Lines below starting with the line with "building model written" and going on through the line with "# Site, building, storey" must be output exactly; the rest of the records must be left out.

┌─ Material provided

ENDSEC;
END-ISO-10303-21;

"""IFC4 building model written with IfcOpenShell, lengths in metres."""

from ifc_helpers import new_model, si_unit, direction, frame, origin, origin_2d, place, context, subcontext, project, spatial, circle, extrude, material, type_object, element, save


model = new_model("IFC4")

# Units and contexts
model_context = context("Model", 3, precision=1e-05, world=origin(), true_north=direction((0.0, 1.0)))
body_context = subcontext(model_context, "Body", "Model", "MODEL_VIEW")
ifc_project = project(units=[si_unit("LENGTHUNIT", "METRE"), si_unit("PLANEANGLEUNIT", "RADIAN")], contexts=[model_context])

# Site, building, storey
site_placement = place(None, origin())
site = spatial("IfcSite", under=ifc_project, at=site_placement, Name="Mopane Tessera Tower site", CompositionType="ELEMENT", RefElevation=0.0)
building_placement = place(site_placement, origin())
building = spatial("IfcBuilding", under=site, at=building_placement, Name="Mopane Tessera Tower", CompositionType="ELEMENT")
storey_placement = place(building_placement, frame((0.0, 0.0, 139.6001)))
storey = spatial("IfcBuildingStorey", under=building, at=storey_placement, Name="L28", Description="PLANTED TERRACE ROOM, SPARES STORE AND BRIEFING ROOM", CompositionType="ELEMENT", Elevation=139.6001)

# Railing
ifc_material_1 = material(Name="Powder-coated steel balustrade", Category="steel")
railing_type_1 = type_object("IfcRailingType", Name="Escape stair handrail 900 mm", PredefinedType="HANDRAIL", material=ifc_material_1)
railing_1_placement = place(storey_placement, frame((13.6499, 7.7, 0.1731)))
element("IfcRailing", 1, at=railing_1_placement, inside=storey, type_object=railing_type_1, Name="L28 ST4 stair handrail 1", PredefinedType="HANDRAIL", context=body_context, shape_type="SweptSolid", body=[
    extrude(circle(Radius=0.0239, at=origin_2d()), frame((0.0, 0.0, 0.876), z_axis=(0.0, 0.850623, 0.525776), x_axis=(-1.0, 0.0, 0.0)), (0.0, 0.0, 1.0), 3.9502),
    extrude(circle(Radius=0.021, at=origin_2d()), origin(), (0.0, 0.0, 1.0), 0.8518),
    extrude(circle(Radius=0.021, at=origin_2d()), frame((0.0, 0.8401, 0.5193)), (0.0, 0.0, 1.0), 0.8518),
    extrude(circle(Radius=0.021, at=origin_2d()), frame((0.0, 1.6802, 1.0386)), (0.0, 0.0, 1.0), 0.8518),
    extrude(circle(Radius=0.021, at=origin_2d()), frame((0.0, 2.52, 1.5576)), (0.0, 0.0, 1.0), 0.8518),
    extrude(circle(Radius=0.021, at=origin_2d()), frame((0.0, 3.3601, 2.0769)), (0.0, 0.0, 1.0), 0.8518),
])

└─
┌─ Material provided

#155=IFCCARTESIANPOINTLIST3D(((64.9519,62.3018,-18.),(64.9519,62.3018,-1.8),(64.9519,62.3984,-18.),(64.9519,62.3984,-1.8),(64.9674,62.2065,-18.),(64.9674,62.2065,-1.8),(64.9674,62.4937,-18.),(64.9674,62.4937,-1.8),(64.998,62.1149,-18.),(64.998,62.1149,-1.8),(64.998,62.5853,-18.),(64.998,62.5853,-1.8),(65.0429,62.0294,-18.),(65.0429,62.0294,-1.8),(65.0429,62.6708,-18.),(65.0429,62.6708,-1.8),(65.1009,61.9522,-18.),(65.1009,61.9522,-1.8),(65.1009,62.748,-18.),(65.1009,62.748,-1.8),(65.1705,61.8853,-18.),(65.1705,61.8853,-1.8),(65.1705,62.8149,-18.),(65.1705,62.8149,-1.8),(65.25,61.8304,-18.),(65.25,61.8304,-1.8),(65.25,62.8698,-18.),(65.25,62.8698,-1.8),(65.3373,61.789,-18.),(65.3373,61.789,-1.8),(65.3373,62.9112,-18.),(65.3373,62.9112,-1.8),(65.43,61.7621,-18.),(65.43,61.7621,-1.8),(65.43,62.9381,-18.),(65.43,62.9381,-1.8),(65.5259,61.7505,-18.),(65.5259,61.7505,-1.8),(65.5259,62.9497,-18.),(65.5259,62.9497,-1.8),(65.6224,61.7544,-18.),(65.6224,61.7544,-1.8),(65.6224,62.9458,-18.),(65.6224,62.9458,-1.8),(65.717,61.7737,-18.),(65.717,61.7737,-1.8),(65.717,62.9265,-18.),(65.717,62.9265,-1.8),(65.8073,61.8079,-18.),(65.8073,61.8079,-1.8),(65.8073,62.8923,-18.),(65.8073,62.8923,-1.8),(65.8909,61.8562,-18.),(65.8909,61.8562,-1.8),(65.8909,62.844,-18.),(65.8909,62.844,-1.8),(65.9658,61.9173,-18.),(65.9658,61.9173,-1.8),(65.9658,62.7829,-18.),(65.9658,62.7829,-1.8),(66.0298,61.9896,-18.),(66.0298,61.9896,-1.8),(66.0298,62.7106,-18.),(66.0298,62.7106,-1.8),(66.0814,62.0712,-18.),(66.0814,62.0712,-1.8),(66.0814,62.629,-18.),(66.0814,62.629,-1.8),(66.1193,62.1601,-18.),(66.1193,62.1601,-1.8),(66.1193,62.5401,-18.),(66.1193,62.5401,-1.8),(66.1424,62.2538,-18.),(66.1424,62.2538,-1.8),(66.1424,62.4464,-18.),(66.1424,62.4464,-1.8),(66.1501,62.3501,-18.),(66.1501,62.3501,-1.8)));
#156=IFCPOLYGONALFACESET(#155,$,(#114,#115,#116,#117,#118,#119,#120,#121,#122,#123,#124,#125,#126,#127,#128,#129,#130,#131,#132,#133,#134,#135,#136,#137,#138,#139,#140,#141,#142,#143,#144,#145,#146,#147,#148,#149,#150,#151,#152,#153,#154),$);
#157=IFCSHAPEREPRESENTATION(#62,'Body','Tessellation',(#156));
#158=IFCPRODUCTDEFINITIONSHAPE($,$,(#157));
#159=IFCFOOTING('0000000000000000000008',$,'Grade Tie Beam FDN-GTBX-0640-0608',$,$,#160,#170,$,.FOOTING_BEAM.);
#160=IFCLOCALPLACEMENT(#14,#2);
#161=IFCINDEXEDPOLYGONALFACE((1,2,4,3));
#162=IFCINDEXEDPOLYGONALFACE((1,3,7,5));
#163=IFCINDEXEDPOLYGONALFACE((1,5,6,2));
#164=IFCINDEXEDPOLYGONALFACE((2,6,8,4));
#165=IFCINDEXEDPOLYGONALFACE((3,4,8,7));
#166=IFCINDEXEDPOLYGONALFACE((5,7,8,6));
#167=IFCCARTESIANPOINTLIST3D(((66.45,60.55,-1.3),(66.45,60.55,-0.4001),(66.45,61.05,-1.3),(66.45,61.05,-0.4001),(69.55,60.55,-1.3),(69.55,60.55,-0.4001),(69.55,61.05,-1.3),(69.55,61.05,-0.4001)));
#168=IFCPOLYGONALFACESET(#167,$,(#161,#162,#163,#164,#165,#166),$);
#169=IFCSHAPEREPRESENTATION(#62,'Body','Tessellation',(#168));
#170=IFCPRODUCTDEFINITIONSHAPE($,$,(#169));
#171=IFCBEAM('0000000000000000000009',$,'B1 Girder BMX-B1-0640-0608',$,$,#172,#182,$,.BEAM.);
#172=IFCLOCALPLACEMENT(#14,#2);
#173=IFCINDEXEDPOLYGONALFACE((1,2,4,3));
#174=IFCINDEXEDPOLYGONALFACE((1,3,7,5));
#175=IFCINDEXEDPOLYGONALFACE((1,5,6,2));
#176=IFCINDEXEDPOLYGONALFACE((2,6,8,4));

└─

◆ Completed task ◆
"""IFC4 building model written with IfcOpenShell, lengths in metres."""

from ifc_helpers import new_model, si_unit, direction, frame, origin, origin_2d, place, context, subcontext, project, spatial, circle, extrude, material, type_object, element, save


model = new_model("IFC4")

# Units and contexts
model_context = context("Model", 3, precision=1e-05, world=origin(), true_north=direction((0.0, 1.0)))
body_context = subcontext(model_context, "Body", "Model", "MODEL_VIEW")
ifc_project = project(units=[si_unit("LENGTHUNIT", "METRE"), si_unit("PLANEANGLEUNIT", "RADIAN")], contexts=[model_context])

# Site, building, storey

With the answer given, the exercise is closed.